» Exercise objective
Transcribe, word for word and without additions, each line below from the one containing "#79=IFCLOCALPLACEMENT(#14,#2);" through the one containing "#88=IFCSHAPEREPRESENTATION(#35,'Body','Tessellation',(#87));", both ends included.

» Data in this exercise
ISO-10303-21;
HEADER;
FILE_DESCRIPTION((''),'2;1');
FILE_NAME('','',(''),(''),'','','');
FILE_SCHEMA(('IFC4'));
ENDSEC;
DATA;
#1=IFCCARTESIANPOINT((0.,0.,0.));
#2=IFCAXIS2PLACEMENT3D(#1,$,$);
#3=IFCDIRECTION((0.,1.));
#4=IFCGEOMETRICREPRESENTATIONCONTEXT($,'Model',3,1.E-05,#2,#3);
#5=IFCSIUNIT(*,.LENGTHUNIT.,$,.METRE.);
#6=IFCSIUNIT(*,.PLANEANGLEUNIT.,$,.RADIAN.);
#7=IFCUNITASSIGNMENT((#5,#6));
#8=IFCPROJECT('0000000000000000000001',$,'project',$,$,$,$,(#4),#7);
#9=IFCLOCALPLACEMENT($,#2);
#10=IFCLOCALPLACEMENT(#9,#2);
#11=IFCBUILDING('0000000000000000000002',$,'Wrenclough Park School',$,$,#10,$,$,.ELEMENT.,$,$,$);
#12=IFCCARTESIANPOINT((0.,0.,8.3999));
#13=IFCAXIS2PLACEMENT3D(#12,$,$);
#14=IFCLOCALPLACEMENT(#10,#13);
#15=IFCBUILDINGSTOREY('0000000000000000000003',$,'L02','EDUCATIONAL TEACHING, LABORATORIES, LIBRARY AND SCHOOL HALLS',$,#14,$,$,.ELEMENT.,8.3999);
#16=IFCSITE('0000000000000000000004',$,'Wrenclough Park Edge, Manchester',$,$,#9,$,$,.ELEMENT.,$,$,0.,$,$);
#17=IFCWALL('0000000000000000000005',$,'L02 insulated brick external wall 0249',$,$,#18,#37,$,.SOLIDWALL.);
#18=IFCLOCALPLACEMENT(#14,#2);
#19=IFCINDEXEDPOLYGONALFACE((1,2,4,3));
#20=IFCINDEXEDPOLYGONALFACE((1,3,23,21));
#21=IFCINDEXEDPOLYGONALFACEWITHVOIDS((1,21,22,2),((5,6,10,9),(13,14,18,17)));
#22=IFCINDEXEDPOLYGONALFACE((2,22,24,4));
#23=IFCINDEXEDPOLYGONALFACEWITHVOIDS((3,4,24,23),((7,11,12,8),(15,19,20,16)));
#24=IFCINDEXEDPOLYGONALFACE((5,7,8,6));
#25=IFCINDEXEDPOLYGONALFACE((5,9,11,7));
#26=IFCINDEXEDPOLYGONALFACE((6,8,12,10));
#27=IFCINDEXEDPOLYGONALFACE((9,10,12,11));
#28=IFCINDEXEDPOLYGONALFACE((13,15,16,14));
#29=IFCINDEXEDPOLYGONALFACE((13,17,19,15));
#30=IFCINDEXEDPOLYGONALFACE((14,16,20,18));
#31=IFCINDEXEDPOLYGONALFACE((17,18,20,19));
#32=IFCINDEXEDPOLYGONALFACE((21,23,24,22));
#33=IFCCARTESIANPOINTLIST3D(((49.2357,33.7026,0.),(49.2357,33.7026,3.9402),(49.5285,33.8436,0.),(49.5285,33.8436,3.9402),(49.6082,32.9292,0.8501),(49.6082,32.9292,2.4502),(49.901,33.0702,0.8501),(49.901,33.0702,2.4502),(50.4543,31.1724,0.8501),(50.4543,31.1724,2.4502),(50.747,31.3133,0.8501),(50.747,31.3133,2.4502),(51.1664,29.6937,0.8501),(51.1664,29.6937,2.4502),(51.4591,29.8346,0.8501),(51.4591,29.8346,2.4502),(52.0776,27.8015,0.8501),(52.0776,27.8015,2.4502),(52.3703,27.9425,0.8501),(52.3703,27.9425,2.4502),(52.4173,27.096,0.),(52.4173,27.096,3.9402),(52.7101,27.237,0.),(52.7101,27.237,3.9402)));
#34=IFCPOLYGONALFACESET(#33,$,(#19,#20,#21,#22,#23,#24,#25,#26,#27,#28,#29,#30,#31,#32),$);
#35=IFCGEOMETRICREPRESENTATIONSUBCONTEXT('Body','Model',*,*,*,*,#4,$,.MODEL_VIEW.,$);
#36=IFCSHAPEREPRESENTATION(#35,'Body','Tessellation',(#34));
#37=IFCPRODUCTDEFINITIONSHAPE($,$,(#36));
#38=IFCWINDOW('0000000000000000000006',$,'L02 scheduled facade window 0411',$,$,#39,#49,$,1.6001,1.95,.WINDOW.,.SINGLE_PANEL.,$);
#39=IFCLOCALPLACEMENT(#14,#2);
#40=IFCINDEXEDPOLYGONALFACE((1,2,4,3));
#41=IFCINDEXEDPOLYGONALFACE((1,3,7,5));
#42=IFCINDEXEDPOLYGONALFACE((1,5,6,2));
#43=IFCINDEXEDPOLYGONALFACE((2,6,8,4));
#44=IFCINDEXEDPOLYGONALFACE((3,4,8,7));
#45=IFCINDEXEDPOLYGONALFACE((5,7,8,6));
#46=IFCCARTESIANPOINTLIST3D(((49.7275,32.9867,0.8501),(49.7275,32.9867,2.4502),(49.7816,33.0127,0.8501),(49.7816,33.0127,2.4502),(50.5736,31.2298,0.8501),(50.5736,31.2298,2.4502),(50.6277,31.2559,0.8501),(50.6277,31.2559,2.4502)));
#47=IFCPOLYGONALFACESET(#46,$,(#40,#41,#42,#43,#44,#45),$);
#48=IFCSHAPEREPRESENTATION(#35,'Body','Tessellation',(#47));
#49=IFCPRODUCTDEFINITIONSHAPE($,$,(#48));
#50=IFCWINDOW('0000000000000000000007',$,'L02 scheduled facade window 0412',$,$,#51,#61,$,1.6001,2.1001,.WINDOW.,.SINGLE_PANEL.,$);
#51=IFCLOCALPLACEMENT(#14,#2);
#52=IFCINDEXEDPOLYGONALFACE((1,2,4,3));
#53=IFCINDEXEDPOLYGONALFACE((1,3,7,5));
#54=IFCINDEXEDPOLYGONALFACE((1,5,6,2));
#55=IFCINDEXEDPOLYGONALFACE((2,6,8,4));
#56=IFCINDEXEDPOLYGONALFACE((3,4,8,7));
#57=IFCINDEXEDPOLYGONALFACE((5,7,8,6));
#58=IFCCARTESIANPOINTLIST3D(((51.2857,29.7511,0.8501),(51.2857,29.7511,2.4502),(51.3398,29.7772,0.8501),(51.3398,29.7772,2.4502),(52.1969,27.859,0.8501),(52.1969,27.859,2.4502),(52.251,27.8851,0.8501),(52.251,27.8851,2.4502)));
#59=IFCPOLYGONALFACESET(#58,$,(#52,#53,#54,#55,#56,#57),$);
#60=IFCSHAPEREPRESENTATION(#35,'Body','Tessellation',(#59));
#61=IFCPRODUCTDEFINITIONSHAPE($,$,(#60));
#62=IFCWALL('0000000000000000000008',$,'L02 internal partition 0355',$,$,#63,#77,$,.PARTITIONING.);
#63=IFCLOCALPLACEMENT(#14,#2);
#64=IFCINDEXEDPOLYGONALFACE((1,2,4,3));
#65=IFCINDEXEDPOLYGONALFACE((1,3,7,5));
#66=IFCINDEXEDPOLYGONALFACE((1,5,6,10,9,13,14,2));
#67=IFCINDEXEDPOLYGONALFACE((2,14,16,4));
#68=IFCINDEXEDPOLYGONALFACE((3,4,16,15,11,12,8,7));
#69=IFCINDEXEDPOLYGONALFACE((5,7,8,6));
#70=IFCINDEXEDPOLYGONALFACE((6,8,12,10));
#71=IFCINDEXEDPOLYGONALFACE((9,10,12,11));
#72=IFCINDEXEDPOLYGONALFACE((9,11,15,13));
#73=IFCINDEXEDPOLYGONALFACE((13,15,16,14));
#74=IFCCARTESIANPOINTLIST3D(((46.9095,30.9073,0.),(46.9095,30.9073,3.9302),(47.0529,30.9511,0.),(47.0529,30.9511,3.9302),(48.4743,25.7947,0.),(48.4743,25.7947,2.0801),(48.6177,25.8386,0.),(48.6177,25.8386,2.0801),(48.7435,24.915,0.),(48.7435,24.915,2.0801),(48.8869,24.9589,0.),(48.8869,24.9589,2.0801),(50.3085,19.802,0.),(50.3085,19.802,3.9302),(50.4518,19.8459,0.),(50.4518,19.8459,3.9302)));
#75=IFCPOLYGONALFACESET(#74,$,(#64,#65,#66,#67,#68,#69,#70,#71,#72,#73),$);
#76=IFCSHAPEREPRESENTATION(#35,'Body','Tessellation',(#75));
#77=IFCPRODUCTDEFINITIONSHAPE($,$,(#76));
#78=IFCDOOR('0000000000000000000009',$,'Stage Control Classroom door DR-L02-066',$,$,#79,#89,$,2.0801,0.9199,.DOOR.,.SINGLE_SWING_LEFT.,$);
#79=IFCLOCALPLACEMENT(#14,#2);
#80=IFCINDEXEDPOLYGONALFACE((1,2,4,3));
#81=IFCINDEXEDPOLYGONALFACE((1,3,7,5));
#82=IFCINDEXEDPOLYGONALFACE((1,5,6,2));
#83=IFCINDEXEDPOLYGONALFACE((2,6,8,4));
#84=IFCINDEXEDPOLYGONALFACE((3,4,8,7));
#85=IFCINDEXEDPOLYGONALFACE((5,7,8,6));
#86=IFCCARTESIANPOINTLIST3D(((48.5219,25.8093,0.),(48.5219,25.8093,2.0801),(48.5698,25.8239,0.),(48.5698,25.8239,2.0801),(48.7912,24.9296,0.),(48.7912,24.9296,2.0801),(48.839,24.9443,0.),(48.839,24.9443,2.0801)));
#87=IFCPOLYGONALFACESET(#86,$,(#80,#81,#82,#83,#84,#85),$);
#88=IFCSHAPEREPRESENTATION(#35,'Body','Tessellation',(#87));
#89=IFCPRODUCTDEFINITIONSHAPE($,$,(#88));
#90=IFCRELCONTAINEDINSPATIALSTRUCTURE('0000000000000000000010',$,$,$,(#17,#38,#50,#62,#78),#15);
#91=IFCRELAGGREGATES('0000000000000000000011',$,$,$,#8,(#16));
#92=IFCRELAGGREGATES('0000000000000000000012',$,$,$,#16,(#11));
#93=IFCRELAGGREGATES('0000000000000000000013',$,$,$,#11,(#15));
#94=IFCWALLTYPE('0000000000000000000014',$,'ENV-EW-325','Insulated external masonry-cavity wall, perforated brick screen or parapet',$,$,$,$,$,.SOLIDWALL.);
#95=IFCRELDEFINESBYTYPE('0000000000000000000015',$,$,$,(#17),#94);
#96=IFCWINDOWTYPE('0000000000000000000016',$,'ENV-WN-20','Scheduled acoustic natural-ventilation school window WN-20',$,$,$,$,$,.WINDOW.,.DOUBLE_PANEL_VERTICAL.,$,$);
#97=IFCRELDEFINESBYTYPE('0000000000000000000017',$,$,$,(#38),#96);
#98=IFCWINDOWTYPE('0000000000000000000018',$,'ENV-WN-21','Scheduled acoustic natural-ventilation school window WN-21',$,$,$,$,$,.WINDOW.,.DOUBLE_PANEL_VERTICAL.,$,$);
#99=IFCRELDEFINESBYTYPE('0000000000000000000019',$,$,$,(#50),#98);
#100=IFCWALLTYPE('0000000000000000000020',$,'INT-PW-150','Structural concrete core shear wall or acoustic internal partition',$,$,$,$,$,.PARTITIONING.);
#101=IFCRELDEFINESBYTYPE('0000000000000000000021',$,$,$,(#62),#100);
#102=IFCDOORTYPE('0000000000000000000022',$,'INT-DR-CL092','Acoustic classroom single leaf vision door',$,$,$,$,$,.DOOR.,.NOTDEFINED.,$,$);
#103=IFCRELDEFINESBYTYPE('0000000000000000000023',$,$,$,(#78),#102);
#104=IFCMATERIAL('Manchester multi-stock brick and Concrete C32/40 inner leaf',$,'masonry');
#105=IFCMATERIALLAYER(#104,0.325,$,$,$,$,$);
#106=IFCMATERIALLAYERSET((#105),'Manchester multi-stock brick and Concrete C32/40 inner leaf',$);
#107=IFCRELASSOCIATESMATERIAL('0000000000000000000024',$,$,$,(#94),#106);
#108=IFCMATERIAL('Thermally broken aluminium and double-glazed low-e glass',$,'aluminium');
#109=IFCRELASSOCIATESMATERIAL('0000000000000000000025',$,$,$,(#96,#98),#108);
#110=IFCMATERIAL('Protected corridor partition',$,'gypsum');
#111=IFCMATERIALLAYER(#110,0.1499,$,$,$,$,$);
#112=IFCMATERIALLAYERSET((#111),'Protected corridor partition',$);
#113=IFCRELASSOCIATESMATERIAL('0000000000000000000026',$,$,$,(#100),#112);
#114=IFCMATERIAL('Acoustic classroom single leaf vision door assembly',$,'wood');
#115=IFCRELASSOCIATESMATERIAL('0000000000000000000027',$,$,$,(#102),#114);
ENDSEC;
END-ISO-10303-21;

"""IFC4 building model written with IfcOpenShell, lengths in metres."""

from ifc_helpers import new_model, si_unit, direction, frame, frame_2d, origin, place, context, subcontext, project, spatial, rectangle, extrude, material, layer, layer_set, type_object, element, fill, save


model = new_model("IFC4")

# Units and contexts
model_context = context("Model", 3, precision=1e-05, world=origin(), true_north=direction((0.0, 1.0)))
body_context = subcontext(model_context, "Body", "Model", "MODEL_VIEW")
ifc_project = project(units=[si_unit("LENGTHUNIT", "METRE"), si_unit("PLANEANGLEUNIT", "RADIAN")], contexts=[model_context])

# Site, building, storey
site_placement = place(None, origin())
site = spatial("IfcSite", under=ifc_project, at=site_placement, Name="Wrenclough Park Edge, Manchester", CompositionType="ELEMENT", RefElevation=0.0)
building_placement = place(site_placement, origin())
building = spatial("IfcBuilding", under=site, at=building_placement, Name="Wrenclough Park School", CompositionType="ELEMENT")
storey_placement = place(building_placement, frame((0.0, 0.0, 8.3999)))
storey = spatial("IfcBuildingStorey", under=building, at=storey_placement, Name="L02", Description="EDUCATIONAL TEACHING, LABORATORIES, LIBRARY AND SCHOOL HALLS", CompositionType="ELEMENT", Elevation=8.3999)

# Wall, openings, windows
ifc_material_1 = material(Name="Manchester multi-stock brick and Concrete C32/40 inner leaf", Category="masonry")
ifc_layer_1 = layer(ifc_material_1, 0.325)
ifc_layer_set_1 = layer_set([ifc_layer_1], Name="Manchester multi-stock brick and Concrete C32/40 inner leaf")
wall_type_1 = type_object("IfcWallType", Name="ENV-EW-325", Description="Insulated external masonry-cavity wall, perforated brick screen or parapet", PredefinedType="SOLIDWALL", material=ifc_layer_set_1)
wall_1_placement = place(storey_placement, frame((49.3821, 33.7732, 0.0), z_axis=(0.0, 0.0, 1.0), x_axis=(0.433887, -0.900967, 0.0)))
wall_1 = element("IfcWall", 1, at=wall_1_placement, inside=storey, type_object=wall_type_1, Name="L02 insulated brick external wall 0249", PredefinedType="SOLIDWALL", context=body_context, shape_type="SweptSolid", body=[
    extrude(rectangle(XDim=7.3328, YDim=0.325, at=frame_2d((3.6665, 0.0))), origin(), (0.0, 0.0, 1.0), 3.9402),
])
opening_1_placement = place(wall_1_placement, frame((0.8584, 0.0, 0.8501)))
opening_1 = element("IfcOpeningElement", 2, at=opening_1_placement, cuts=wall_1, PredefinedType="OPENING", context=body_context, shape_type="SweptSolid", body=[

» Result of the task
#79=IFCLOCALPLACEMENT(#14,#2);
#80=IFCINDEXEDPOLYGONALFACE((1,2,4,3));
#81=IFCINDEXEDPOLYGONALFACE((1,3,7,5));
#82=IFCINDEXEDPOLYGONALFACE((1,5,6,2));
#83=IFCINDEXEDPOLYGONALFACE((2,6,8,4));
#84=IFCINDEXEDPOLYGONALFACE((3,4,8,7));
#85=IFCINDEXEDPOLYGONALFACE((5,7,8,6));
#86=IFCCARTESIANPOINTLIST3D(((48.5219,25.8093,0.),(48.5219,25.8093,2.0801),(48.5698,25.8239,0.),(48.5698,25.8239,2.0801),(48.7912,24.9296,0.),(48.7912,24.9296,2.0801),(48.839,24.9443,0.),(48.839,24.9443,2.0801)));
#87=IFCPOLYGONALFACESET(#86,$,(#80,#81,#82,#83,#84,#85),$);
#88=IFCSHAPEREPRESENTATION(#35,'Body','Tessellation',(#87));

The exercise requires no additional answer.